(Recorded data)
++++++++++

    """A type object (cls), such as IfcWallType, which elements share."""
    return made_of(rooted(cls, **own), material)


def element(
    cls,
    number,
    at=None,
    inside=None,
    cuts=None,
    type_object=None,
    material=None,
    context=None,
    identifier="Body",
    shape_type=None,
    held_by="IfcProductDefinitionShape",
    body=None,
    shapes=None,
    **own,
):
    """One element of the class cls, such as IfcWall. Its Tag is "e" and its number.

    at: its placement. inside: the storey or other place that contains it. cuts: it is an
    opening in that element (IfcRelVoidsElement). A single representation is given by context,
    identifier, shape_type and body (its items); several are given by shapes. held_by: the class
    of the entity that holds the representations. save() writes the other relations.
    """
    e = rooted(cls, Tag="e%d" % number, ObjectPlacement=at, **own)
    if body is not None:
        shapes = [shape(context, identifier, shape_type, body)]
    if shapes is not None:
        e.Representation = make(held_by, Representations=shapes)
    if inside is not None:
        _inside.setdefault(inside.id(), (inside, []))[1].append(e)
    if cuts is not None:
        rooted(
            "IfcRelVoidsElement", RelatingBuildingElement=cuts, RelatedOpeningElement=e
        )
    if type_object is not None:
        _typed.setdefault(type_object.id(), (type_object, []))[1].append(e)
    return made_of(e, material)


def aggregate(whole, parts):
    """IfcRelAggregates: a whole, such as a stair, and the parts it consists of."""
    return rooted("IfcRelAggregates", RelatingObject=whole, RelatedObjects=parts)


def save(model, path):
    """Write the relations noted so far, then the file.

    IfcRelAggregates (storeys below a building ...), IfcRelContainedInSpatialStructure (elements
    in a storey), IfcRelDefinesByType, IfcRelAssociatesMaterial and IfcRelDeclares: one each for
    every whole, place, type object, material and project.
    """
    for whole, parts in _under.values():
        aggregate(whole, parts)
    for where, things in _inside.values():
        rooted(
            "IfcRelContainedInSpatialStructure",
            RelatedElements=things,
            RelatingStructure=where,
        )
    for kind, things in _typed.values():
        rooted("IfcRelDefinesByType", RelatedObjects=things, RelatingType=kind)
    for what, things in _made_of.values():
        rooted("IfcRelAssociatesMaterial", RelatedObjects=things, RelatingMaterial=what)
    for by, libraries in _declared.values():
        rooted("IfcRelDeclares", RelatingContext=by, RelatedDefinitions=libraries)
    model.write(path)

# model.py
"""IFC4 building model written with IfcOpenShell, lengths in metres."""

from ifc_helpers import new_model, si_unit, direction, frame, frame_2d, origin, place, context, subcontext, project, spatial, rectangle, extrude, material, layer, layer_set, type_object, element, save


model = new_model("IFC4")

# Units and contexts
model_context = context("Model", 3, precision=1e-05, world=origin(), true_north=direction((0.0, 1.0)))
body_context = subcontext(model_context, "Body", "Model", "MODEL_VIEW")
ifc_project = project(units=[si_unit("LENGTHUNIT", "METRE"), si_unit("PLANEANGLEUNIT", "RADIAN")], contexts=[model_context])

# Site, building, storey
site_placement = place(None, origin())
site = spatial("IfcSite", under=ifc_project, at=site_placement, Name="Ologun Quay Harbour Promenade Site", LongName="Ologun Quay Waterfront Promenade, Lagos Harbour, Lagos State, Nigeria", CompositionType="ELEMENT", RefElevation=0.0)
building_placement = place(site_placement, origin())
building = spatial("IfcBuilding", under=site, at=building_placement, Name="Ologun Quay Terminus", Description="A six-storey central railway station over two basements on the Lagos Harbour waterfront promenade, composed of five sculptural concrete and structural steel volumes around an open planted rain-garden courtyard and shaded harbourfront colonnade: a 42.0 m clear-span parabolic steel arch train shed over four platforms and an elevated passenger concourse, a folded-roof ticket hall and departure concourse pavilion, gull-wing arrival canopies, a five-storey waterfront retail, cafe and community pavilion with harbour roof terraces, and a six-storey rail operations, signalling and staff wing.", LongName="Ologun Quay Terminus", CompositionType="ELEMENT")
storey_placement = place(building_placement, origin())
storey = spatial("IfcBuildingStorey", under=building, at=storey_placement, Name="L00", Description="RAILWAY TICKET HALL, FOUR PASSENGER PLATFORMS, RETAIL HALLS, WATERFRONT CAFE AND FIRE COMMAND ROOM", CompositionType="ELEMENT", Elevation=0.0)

++++++++++

• TRY IT:
The records above are to be transcribed exactly and completely.

• ANSWER SPACE:
    """A type object (cls), such as IfcWallType, which elements share."""
    return made_of(rooted(cls, **own), material)


def element(
    cls,
    number,
    at=None,
    inside=None,
    cuts=None,
    type_object=None,
    material=None,
    context=None,
    identifier="Body",
    shape_type=None,
    held_by="IfcProductDefinitionShape",
    body=None,
    shapes=None,
    **own,
):
    """One element of the class cls, such as IfcWall. Its Tag is "e" and its number.

    at: its placement. inside: the storey or other place that contains it. cuts: it is an
    opening in that element (IfcRelVoidsElement). A single representation is given by context,
    identifier, shape_type and body (its items); several are given by shapes. held_by: the class
    of the entity that holds the representations. save() writes the other relations.
    """
    e = rooted(cls, Tag="e%d" % number, ObjectPlacement=at, **own)
    if body is not None:
        shapes = [shape(context, identifier, shape_type, body)]
    if shapes is not None:
        e.Representation = make(held_by, Representations=shapes)
    if inside is not None:
        _inside.setdefault(inside.id(), (inside, []))[1].append(e)
    if cuts is not None:
        rooted(
            "IfcRelVoidsElement", RelatingBuildingElement=cuts, RelatedOpeningElement=e
        )
    if type_object is not None:
        _typed.setdefault(type_object.id(), (type_object, []))[1].append(e)
    return made_of(e, material)


def aggregate(whole, parts):
    """IfcRelAggregates: a whole, such as a stair, and the parts it consists of."""
    return rooted("IfcRelAggregates", RelatingObject=whole, RelatedObjects=parts)


def save(model, path):
    """Write the relations noted so far, then the file.

    IfcRelAggregates (storeys below a building ...), IfcRelContainedInSpatialStructure (elements
    in a storey), IfcRelDefinesByType, IfcRelAssociatesMaterial and IfcRelDeclares: one each for
    every whole, place, type object, material and project.
    """
    for whole, parts in _under.values():
        aggregate(whole, parts)
    for where, things in _inside.values():
        rooted(
            "IfcRelContainedInSpatialStructure",
            RelatedElements=things,
            RelatingStructure=where,
        )
    for kind, things in _typed.values():
        rooted("IfcRelDefinesByType", RelatedObjects=things, RelatingType=kind)
    for what, things in _made_of.values():
        rooted("IfcRelAssociatesMaterial", RelatedObjects=things, RelatingMaterial=what)
    for by, libraries in _declared.values():
        rooted("IfcRelDeclares", RelatingContext=by, RelatedDefinitions=libraries)
    model.write(path)

# model.py
"""IFC4 building model written with IfcOpenShell, lengths in metres."""

from ifc_helpers import new_model, si_unit, direction, frame, frame_2d, origin, place, context, subcontext, project, spatial, rectangle, extrude, material, layer, layer_set, type_object, element, save


model = new_model("IFC4")

# Units and contexts
model_context = context("Model", 3, precision=1e-05, world=origin(), true_north=direction((0.0, 1.0)))
body_context = subcontext(model_context, "Body", "Model", "MODEL_VIEW")
ifc_project = project(units=[si_unit("LENGTHUNIT", "METRE"), si_unit("PLANEANGLEUNIT", "RADIAN")], contexts=[model_context])

# Site, building, storey
site_placement = place(None, origin())
site = spatial("IfcSite", under=ifc_project, at=site_placement, Name="Ologun Quay Harbour Promenade Site", LongName="Ologun Quay Waterfront Promenade, Lagos Harbour, Lagos State, Nigeria", CompositionType="ELEMENT", RefElevation=0.0)
building_placement = place(site_placement, origin())
building = spatial("IfcBuilding", under=site, at=building_placement, Name="Ologun Quay Terminus", Description="A six-storey central railway station over two basements on the Lagos Harbour waterfront promenade, composed of five sculptural concrete and structural steel volumes around an open planted rain-garden courtyard and shaded harbourfront colonnade: a 42.0 m clear-span parabolic steel arch train shed over four platforms and an elevated passenger concourse, a folded-roof ticket hall and departure concourse pavilion, gull-wing arrival canopies, a five-storey waterfront retail, cafe and community pavilion with harbour roof terraces, and a six-storey rail operations, signalling and staff wing.", LongName="Ologun Quay Terminus", CompositionType="ELEMENT")
storey_placement = place(building_placement, origin())
storey = spatial("IfcBuildingStorey", under=building, at=storey_placement, Name="L00", Description="RAILWAY TICKET HALL, FOUR PASSENGER PLATFORMS, RETAIL HALLS, WATERFRONT CAFE AND FIRE COMMAND ROOM", CompositionType="ELEMENT", Elevation=0.0)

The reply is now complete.